Collected data:
---+---
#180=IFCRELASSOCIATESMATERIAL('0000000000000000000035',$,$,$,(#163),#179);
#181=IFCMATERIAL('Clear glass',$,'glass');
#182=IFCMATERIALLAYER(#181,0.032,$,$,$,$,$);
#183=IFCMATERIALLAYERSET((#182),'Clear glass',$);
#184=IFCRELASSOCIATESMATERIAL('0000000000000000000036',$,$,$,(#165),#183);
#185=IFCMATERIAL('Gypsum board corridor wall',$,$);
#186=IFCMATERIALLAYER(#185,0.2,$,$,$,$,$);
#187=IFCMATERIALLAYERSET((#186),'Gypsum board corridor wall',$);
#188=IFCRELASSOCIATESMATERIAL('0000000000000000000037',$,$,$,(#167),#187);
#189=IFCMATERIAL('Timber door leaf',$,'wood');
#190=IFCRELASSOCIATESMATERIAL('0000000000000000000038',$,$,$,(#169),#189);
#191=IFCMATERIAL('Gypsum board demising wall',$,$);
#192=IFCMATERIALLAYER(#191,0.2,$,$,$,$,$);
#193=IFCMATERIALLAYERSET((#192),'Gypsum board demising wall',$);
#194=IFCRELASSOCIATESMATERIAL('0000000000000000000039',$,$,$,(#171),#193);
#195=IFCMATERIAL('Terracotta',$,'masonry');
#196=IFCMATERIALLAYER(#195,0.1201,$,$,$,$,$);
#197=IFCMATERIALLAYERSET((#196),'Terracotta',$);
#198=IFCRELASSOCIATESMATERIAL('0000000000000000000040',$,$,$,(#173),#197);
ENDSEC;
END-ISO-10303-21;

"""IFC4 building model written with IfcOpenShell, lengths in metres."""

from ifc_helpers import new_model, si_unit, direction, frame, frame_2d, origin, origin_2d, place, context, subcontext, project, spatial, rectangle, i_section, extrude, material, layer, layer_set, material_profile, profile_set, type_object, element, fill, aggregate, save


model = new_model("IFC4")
---+---
Starting with the line with "#192=IFCMATERIALLAYER(#191,0.2,$,$,$,$,$);" above and going on through the line with "#196=IFCMATERIALLAYER(#195,0.1201,$,$,$,$,$);", transcribe every line exactly, both ends included, and add nothing.

#192=IFCMATERIALLAYER(#191,0.2,$,$,$,$,$);
#193=IFCMATERIALLAYERSET((#192),'Gypsum board demising wall',$);
#194=IFCRELASSOCIATESMATERIAL('0000000000000000000039',$,$,$,(#171),#193);
#195=IFCMATERIAL('Terracotta',$,'masonry');
#196=IFCMATERIALLAYER(#195,0.1201,$,$,$,$,$);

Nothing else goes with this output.